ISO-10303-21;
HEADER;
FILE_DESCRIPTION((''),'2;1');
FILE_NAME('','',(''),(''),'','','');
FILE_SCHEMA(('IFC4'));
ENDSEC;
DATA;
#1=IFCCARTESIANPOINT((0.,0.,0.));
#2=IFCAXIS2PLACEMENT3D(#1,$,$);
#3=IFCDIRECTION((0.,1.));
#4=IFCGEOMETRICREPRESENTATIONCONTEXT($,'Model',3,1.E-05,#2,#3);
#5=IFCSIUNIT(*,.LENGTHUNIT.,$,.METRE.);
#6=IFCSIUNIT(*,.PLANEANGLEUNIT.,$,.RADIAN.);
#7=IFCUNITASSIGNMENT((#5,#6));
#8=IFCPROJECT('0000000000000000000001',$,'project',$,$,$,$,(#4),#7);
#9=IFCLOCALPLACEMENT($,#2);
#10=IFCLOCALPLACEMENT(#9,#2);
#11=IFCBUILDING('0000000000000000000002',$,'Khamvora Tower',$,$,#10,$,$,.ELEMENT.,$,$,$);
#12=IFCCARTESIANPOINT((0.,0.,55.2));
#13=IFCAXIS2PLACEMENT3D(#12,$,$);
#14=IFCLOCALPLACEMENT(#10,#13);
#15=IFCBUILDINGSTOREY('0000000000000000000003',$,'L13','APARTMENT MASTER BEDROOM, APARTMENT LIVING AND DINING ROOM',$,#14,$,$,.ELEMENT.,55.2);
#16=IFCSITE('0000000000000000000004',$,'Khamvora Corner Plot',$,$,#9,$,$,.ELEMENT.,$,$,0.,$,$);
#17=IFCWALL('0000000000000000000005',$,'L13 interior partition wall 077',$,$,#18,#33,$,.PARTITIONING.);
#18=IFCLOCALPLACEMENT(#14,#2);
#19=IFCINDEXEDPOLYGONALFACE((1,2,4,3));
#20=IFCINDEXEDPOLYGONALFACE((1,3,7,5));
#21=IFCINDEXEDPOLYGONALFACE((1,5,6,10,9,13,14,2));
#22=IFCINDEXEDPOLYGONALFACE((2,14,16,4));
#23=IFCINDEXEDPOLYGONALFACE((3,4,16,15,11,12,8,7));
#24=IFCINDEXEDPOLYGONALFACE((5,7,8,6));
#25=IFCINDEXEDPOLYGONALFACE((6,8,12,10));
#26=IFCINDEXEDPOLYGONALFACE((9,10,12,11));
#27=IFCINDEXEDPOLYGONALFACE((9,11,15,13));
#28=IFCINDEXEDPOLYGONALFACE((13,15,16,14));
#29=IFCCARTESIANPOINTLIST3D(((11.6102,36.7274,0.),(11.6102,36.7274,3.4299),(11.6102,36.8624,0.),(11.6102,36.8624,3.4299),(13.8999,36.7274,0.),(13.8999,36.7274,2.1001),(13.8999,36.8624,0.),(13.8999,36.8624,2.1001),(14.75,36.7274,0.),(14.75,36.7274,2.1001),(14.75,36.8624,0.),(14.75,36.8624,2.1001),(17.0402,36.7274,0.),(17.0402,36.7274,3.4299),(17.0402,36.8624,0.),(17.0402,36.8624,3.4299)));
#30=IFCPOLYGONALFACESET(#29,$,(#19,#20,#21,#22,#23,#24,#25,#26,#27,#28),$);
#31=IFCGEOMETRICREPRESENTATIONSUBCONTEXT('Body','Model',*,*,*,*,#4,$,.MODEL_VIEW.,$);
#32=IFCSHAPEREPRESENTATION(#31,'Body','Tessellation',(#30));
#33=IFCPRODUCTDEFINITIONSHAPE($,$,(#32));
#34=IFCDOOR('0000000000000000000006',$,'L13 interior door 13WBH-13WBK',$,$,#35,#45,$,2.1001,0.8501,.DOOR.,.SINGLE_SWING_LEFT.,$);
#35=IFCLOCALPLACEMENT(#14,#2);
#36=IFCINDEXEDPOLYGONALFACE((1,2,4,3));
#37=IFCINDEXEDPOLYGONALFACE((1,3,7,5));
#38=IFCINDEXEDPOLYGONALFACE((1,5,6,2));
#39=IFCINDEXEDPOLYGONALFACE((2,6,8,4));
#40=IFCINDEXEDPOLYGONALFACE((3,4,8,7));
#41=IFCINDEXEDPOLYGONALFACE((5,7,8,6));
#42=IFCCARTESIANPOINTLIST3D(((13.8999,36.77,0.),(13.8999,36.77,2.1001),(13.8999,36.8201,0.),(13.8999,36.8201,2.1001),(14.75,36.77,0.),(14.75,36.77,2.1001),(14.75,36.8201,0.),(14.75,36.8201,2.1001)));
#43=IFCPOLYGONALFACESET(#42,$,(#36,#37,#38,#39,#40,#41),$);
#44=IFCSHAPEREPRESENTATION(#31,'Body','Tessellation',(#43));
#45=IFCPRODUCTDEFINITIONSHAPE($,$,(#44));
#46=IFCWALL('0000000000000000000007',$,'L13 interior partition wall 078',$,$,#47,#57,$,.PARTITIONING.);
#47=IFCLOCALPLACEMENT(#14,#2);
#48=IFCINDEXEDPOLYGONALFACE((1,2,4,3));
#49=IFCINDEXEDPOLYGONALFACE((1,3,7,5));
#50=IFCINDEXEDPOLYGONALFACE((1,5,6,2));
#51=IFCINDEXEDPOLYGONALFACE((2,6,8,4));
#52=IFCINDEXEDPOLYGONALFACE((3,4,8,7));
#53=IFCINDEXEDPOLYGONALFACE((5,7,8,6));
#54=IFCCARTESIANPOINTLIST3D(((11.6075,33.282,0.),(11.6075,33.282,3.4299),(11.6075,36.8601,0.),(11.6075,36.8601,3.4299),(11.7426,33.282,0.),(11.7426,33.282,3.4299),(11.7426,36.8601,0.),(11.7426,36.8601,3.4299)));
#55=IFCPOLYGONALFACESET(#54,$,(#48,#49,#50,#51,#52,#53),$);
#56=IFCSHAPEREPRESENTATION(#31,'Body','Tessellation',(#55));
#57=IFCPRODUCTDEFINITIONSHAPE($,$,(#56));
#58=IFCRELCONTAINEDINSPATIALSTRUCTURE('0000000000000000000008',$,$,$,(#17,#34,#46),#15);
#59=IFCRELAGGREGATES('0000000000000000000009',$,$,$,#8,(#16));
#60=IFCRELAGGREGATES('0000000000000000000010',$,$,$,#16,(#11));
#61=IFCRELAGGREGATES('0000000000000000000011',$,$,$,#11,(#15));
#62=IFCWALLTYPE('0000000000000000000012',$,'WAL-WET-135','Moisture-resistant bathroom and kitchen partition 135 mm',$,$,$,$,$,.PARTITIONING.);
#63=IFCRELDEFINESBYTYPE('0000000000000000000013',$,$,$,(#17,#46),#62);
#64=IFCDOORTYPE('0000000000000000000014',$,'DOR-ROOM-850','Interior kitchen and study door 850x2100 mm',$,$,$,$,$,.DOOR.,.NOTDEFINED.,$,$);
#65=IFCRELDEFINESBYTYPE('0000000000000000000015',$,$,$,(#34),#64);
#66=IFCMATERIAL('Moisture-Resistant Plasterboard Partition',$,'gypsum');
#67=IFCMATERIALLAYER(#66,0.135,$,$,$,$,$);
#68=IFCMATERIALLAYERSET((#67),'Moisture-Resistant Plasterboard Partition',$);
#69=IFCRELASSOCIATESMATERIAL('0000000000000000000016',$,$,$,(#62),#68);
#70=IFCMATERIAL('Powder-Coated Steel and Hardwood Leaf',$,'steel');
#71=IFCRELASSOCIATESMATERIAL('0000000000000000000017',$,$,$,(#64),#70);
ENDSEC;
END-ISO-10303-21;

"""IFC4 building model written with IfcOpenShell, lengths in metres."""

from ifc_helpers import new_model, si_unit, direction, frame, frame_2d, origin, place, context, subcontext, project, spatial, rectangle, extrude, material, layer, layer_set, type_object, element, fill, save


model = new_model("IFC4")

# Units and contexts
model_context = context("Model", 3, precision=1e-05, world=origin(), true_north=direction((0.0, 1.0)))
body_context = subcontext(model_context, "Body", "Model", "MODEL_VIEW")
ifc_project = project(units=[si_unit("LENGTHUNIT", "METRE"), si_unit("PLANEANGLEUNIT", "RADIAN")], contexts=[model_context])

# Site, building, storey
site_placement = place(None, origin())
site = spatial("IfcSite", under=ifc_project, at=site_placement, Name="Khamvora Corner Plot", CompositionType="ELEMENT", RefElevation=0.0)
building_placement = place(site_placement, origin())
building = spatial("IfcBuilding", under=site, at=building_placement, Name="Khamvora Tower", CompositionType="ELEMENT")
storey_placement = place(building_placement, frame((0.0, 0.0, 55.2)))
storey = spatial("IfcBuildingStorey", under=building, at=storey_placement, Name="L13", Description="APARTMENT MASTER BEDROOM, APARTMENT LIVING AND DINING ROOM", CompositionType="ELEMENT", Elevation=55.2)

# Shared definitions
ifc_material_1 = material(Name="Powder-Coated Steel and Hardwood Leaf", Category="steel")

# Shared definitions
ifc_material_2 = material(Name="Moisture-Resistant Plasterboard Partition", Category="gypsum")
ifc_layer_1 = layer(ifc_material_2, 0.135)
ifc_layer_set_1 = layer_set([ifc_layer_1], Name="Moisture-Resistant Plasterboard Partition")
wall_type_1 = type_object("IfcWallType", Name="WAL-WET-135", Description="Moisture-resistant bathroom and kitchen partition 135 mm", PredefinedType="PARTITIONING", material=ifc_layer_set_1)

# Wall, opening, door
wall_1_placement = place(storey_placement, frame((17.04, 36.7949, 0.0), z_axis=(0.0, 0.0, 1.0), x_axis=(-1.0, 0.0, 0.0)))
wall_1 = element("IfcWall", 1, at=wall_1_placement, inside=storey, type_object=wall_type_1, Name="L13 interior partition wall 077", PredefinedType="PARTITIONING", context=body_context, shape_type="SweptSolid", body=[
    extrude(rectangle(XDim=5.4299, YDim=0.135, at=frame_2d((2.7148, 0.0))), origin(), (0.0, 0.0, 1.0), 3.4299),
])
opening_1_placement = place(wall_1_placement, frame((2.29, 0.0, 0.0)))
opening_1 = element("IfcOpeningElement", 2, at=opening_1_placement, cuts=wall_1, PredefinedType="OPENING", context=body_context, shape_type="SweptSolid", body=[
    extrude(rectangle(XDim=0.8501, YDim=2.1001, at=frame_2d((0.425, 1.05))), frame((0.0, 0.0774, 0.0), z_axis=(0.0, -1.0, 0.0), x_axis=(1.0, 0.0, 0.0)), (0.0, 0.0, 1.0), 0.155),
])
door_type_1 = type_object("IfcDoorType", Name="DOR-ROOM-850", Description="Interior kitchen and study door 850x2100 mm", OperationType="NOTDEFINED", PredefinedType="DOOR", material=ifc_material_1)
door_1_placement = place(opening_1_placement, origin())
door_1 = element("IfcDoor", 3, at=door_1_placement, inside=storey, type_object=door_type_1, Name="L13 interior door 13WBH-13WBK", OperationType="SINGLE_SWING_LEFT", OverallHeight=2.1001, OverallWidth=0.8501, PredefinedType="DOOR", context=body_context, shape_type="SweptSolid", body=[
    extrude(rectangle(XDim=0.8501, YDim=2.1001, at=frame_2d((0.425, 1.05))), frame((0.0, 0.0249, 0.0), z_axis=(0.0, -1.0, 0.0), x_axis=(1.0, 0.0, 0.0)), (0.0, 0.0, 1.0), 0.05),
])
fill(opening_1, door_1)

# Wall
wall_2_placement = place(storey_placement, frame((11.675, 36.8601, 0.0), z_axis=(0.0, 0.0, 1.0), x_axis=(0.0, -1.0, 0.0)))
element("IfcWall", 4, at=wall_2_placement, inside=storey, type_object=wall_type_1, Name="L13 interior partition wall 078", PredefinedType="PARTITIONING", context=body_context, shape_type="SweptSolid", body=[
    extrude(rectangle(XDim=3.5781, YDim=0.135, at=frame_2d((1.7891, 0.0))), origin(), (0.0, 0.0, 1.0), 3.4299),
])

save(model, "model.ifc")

◇ ◇ ◇ ◇ ◇

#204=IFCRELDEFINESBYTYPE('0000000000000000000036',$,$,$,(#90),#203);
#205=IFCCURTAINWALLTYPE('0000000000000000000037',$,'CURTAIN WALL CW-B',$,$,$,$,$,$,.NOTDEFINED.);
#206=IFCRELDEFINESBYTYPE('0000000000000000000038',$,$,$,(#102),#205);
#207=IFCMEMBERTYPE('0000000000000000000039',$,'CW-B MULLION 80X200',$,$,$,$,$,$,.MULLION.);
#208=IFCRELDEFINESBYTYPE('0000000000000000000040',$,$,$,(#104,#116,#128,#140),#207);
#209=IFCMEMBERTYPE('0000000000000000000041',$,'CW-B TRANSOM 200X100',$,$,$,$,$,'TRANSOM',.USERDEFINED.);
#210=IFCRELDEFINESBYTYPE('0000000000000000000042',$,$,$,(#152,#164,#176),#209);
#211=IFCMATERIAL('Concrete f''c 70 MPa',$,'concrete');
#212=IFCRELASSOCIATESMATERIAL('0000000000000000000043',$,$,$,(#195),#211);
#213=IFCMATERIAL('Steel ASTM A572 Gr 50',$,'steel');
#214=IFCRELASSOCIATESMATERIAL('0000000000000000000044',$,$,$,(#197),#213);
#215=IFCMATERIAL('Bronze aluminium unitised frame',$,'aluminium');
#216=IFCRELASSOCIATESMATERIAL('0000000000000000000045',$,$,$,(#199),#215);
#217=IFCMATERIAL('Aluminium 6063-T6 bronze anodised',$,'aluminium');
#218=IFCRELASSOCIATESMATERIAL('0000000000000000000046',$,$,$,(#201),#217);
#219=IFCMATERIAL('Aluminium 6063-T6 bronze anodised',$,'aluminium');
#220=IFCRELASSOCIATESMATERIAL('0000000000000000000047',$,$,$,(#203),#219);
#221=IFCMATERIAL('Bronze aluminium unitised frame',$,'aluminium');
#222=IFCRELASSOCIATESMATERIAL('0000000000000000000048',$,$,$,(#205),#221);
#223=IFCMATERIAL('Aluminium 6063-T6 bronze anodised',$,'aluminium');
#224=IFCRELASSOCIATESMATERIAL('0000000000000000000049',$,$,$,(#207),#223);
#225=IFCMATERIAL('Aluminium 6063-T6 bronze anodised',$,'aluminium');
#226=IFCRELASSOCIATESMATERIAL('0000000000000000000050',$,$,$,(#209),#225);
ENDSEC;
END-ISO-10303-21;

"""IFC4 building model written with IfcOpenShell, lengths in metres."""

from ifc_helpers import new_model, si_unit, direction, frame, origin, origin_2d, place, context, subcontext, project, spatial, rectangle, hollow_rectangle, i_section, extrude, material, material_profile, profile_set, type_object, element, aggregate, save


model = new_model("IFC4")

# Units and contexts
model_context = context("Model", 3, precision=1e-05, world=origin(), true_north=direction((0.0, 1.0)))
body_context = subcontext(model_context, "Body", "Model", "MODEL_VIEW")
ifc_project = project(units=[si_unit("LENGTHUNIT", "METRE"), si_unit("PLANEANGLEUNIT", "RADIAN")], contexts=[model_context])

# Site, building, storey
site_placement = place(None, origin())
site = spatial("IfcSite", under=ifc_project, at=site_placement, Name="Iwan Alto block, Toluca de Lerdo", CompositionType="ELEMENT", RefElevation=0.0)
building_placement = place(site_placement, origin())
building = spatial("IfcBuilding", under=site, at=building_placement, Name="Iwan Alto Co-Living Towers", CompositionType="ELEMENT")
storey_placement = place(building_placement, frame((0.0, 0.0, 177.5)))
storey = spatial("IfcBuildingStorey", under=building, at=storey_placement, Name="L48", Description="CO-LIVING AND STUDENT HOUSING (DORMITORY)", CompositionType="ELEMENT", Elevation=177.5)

◇ ◇ ◇ ◇ ◇

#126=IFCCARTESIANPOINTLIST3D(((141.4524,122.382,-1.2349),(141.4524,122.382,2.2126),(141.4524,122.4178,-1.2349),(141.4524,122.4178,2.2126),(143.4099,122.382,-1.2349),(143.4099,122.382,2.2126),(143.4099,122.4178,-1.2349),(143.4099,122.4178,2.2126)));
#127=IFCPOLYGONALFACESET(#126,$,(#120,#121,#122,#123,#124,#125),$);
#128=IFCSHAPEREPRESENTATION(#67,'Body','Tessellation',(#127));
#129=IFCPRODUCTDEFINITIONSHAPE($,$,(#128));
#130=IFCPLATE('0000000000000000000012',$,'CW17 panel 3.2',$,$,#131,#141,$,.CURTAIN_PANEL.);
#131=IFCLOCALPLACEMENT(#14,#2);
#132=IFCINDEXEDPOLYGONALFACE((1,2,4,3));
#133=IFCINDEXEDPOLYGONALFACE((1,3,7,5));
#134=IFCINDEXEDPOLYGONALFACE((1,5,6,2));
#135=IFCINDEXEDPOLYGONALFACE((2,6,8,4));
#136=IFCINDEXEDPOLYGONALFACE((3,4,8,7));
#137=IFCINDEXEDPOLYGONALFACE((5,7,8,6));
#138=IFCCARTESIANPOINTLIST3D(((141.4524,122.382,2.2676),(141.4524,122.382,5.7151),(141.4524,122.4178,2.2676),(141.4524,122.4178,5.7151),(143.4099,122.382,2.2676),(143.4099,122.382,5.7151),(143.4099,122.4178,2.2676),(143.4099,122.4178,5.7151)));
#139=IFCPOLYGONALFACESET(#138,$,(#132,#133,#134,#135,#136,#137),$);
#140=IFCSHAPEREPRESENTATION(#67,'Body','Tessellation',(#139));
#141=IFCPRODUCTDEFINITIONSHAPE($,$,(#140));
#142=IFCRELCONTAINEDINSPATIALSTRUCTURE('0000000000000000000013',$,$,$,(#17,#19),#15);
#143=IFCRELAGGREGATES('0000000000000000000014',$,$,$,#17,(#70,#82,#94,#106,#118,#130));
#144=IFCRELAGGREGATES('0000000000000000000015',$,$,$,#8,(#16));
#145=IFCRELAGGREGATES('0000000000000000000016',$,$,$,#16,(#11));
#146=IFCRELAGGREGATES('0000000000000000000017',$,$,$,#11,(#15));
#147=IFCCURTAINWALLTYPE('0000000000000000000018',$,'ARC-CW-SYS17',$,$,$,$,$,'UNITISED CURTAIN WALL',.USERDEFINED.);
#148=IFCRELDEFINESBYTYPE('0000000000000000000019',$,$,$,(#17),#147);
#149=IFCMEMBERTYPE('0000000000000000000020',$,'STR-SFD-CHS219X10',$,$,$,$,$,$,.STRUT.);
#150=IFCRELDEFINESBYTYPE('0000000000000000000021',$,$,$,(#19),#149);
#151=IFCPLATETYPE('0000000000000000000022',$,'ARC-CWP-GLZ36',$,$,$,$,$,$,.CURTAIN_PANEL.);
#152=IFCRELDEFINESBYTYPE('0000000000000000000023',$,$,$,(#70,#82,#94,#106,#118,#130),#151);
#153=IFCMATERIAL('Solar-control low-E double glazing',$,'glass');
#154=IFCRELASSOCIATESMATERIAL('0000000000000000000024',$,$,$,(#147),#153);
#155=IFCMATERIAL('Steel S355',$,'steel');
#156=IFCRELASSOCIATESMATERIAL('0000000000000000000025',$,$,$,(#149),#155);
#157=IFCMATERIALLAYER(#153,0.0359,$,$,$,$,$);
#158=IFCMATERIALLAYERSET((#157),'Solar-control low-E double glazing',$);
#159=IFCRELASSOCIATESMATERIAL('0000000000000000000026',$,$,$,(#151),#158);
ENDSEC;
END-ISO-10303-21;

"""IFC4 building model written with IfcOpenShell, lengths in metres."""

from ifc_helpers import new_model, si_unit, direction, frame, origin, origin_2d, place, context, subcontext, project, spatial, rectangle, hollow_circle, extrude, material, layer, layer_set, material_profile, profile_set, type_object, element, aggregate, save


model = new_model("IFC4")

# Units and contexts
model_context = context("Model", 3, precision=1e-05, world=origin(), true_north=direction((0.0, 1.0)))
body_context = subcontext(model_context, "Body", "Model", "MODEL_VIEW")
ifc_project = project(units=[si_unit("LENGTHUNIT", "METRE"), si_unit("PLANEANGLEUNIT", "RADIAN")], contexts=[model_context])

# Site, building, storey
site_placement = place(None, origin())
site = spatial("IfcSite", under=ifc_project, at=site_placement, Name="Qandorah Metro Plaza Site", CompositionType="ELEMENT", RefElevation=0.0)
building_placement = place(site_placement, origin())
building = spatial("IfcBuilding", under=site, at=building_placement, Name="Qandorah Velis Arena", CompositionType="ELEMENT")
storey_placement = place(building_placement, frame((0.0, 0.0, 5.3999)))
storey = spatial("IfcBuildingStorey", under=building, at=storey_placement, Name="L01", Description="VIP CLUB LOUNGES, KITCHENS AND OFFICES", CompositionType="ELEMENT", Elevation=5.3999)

◇ ◇ ◇ ◇ ◇

• YOUR INSTRUCTIONS
Please give back exactly the lines of this listing beginning at the line with "#215=IFCMATERIAL('Bronze aluminium unitised" and ending with the line with "#221=IFCMATERIAL('Bronze aluminium unitised", both included, and nothing else.

• RESPONSE FOR THIS EXERCISE
#215=IFCMATERIAL('Bronze aluminium unitised frame',$,'aluminium');
#216=IFCRELASSOCIATESMATERIAL('0000000000000000000045',$,$,$,(#199),#215);
#217=IFCMATERIAL('Aluminium 6063-T6 bronze anodised',$,'aluminium');
#218=IFCRELASSOCIATESMATERIAL('0000000000000000000046',$,$,$,(#201),#217);
#219=IFCMATERIAL('Aluminium 6063-T6 bronze anodised',$,'aluminium');
#220=IFCRELASSOCIATESMATERIAL('0000000000000000000047',$,$,$,(#203),#219);
#221=IFCMATERIAL('Bronze aluminium unitised frame',$,'aluminium');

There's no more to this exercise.